Stored data

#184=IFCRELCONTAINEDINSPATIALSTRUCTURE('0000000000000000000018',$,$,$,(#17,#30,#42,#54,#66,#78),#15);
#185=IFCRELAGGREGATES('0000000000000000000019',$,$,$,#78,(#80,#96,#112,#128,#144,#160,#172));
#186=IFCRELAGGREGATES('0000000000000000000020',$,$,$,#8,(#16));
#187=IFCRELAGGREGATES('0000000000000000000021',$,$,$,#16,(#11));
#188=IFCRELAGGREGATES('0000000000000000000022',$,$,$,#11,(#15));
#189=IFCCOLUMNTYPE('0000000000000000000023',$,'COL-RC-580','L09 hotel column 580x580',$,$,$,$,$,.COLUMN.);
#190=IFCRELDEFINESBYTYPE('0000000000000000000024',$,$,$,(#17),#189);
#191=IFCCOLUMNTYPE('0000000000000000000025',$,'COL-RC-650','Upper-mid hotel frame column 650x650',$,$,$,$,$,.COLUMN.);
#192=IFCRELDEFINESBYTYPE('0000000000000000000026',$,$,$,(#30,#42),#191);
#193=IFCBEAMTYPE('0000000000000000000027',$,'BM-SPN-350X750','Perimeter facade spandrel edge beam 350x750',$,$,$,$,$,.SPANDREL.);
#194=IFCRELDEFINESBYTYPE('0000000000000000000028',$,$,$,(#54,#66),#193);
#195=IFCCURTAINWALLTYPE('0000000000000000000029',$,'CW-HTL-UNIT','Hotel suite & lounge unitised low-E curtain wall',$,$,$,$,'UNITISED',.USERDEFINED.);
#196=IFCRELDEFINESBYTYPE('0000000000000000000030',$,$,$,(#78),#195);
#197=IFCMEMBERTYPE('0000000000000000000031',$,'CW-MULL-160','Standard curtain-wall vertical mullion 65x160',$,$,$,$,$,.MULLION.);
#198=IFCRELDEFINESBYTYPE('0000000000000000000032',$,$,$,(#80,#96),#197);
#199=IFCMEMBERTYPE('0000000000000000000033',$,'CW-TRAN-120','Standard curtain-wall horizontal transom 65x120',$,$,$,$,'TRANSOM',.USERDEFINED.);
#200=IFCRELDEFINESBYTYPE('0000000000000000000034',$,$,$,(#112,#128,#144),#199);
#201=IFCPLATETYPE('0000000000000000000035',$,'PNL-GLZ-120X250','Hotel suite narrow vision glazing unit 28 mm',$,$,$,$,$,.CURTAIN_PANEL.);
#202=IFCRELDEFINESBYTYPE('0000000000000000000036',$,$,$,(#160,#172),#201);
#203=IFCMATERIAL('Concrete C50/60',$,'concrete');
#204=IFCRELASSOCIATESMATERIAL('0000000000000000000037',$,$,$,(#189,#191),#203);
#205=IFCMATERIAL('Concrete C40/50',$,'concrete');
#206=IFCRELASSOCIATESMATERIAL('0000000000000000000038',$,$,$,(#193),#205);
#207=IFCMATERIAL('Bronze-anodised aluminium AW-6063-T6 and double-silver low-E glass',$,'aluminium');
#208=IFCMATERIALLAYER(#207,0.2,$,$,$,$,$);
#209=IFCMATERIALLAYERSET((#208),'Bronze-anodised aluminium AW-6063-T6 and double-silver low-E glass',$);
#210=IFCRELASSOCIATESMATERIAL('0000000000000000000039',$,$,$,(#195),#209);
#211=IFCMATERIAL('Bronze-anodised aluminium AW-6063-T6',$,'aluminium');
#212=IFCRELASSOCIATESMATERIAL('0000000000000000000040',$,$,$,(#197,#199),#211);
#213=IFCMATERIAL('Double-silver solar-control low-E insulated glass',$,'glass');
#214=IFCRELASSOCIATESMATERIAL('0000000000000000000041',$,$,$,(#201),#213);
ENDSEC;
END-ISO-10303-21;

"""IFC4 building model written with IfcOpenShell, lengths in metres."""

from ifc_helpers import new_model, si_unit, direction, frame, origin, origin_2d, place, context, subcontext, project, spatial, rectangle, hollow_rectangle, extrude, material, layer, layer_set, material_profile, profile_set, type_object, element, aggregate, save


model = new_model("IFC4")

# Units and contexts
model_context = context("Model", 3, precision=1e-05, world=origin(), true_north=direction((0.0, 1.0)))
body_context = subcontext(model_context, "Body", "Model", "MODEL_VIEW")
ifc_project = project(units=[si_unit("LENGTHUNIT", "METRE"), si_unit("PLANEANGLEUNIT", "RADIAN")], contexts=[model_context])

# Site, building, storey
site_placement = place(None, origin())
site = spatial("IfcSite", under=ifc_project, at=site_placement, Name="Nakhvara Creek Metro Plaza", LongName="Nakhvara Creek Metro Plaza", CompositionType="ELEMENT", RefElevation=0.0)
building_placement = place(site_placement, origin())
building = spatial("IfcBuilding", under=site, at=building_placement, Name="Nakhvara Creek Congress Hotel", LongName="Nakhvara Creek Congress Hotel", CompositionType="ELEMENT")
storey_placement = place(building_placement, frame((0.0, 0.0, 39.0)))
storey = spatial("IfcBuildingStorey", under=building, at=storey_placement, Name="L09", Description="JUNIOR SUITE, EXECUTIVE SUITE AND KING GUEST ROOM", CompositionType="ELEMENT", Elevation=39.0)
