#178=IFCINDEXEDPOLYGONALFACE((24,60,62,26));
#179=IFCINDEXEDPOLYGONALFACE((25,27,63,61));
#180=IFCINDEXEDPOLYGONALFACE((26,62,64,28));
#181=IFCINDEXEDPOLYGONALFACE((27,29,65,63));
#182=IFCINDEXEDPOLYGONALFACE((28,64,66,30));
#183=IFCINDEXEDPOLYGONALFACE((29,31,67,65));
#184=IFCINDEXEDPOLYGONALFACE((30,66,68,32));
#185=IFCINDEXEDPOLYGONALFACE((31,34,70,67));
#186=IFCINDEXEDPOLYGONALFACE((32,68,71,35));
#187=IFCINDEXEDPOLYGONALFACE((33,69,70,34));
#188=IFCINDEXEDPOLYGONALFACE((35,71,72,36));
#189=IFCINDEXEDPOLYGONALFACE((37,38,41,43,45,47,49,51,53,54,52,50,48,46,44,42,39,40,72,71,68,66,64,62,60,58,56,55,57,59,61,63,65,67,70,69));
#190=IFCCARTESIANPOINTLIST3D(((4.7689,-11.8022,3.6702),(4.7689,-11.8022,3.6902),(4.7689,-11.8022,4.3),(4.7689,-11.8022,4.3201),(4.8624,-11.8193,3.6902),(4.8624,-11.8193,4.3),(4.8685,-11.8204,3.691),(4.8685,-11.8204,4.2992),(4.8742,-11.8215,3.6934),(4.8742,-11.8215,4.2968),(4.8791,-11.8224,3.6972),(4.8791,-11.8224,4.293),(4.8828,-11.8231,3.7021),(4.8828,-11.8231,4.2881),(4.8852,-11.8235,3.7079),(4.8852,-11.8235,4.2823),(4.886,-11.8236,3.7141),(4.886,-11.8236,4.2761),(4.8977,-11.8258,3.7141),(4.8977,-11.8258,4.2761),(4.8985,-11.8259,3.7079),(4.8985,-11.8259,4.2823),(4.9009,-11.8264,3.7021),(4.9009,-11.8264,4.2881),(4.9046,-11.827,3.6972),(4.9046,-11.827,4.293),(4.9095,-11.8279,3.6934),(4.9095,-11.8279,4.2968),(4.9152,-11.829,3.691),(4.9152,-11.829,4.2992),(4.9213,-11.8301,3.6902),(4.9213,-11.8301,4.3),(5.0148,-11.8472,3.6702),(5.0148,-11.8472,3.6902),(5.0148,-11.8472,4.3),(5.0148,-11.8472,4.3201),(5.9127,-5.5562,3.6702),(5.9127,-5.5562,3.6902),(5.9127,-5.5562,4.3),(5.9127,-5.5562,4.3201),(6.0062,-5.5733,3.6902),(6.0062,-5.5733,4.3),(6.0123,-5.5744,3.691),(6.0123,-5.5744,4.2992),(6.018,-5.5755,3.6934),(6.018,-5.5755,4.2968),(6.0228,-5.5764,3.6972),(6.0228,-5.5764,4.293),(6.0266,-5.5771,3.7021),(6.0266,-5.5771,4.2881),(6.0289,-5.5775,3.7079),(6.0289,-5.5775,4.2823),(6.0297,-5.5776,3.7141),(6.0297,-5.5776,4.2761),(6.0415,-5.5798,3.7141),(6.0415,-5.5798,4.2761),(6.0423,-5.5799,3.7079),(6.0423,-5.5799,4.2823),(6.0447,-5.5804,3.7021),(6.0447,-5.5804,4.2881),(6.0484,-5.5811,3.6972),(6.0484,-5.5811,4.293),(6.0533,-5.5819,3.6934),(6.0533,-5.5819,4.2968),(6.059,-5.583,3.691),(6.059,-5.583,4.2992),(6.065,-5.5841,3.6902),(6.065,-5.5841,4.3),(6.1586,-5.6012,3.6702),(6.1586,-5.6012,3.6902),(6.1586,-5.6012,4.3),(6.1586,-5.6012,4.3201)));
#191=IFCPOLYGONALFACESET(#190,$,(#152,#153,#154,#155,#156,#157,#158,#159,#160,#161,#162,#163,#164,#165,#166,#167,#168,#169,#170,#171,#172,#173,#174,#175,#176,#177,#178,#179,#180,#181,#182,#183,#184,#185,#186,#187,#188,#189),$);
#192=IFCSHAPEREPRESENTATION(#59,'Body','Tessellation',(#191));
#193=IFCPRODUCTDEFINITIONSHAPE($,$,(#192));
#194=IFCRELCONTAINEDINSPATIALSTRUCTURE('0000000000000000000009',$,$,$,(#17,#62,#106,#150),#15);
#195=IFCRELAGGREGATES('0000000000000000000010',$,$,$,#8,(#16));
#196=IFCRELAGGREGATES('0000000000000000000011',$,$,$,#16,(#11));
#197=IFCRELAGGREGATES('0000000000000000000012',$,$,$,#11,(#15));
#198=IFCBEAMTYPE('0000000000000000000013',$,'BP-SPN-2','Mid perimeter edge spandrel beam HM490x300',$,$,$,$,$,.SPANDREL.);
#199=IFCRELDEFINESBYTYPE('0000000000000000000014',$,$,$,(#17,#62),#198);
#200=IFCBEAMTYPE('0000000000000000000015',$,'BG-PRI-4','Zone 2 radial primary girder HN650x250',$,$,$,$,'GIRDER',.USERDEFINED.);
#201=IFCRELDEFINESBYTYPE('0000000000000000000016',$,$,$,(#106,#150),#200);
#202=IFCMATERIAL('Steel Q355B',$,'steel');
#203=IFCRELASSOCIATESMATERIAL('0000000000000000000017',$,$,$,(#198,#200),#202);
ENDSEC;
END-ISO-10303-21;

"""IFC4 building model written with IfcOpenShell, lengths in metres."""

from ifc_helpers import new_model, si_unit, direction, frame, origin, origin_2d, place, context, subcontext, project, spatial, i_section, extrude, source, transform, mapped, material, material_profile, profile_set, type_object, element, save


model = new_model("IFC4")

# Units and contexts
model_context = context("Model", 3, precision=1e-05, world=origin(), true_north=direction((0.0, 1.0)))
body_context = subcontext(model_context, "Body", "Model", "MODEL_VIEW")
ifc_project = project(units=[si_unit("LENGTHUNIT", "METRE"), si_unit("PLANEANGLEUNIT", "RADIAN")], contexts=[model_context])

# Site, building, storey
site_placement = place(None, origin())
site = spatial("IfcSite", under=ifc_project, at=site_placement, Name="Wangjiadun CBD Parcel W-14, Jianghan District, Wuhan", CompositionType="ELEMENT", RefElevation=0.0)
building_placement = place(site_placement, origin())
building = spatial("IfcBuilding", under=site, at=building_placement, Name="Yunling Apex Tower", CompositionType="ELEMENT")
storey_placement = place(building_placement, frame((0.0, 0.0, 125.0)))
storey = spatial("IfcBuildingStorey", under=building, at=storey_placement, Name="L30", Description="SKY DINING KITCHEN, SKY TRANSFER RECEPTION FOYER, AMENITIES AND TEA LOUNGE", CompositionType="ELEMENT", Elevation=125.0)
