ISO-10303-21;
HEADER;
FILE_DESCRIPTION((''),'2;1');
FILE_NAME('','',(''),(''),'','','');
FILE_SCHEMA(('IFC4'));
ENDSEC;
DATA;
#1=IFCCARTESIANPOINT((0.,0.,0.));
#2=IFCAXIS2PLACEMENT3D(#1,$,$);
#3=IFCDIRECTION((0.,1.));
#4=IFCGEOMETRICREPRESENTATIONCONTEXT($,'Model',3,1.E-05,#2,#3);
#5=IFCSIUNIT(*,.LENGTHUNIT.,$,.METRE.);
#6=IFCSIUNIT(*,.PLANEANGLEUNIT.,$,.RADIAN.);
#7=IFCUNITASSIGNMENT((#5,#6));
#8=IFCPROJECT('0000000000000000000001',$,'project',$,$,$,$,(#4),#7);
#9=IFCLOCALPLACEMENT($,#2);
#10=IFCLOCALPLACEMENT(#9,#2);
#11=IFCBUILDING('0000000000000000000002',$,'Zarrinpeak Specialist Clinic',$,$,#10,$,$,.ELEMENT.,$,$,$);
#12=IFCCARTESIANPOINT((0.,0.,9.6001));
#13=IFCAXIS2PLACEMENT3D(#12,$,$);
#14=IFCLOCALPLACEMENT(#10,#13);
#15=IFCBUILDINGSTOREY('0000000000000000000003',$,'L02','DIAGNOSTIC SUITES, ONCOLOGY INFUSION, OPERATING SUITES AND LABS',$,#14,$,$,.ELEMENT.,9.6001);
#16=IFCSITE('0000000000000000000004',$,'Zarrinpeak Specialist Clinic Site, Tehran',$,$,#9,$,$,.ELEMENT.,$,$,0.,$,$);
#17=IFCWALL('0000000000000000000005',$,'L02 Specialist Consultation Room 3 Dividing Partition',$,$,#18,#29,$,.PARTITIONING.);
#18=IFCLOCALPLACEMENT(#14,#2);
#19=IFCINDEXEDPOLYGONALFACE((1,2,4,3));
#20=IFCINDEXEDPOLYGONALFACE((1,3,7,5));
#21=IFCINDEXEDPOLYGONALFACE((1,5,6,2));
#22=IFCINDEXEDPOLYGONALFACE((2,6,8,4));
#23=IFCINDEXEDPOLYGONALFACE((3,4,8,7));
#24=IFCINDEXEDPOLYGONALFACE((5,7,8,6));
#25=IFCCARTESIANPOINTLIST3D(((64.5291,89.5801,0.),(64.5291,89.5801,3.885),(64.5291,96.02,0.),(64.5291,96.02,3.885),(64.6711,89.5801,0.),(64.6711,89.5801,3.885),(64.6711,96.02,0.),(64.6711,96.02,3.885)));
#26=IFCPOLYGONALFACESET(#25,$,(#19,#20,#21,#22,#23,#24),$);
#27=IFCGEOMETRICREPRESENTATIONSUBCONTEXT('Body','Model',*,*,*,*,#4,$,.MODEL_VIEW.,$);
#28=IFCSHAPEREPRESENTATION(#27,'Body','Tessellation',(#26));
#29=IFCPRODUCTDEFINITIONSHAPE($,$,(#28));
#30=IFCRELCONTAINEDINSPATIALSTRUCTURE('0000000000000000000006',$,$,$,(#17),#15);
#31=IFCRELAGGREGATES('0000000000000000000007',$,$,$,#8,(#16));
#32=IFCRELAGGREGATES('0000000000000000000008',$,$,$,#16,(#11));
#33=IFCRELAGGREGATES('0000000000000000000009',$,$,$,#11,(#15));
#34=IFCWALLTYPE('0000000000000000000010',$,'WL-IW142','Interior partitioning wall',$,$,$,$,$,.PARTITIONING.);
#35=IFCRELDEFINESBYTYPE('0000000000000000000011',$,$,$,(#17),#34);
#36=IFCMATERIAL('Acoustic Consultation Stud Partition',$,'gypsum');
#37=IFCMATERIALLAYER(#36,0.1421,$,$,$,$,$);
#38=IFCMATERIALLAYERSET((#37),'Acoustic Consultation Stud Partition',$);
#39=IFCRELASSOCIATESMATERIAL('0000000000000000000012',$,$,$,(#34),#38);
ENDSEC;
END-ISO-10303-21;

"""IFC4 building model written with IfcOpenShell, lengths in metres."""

from ifc_helpers import new_model, si_unit, direction, frame, frame_2d, origin, place, context, subcontext, project, spatial, rectangle, extrude, material, layer, layer_set, type_object, element, save


model = new_model("IFC4")

# Units and contexts
model_context = context("Model", 3, precision=1e-05, world=origin(), true_north=direction((0.0, 1.0)))
body_context = subcontext(model_context, "Body", "Model", "MODEL_VIEW")
ifc_project = project(units=[si_unit("LENGTHUNIT", "METRE"), si_unit("PLANEANGLEUNIT", "RADIAN")], contexts=[model_context])

# Site, building, storey
site_placement = place(None, origin())
site = spatial("IfcSite", under=ifc_project, at=site_placement, Name="Zarrinpeak Specialist Clinic Site, Tehran", CompositionType="ELEMENT", RefElevation=0.0)
building_placement = place(site_placement, origin())
building = spatial("IfcBuilding", under=site, at=building_placement, Name="Zarrinpeak Specialist Clinic", CompositionType="ELEMENT")
storey_placement = place(building_placement, frame((0.0, 0.0, 9.6001)))
storey = spatial("IfcBuildingStorey", under=building, at=storey_placement, Name="L02", Description="DIAGNOSTIC SUITES, ONCOLOGY INFUSION, OPERATING SUITES AND LABS", CompositionType="ELEMENT", Elevation=9.6001)

# Wall
ifc_material_1 = material(Name="Acoustic Consultation Stud Partition", Category="gypsum")
ifc_layer_1 = layer(ifc_material_1, 0.1421)
ifc_layer_set_1 = layer_set([ifc_layer_1], Name="Acoustic Consultation Stud Partition")
wall_type_1 = type_object("IfcWallType", Name="WL-IW142", Description="Interior partitioning wall", PredefinedType="PARTITIONING", material=ifc_layer_set_1)
wall_1_placement = place(storey_placement, frame((64.6001, 89.5801, 0.0), z_axis=(0.0, 0.0, 1.0), x_axis=(0.0, 1.0, 0.0)))
element("IfcWall", 1, at=wall_1_placement, inside=storey, type_object=wall_type_1, Name="L02 Specialist Consultation Room 3 Dividing Partition", PredefinedType="PARTITIONING", context=body_context, shape_type="SweptSolid", body=[
    extrude(rectangle(XDim=6.4399, YDim=0.1421, at=frame_2d((3.22, 0.0))), origin(), (0.0, 0.0, 1.0), 3.885),
])

save(model, "model.ifc")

**ASSIGNMENT:**
Without changing anything, quote the lines from the top of the data to the line that contains "frame column 650x650',$,$,$,$,$,.COLUMN.);", including that line.

**FINISHED EXERCISE:**
#184=IFCRELCONTAINEDINSPATIALSTRUCTURE('0000000000000000000018',$,$,$,(#17,#30,#42,#54,#66,#78),#15);
#185=IFCRELAGGREGATES('0000000000000000000019',$,$,$,#78,(#80,#96,#112,#128,#144,#160,#172));
#186=IFCRELAGGREGATES('0000000000000000000020',$,$,$,#8,(#16));
#187=IFCRELAGGREGATES('0000000000000000000021',$,$,$,#16,(#11));
#188=IFCRELAGGREGATES('0000000000000000000022',$,$,$,#11,(#15));
#189=IFCCOLUMNTYPE('0000000000000000000023',$,'COL-RC-580','L09 hotel column 580x580',$,$,$,$,$,.COLUMN.);
#190=IFCRELDEFINESBYTYPE('0000000000000000000024',$,$,$,(#17),#189);
#191=IFCCOLUMNTYPE('0000000000000000000025',$,'COL-RC-650','Upper-mid hotel frame column 650x650',$,$,$,$,$,.COLUMN.);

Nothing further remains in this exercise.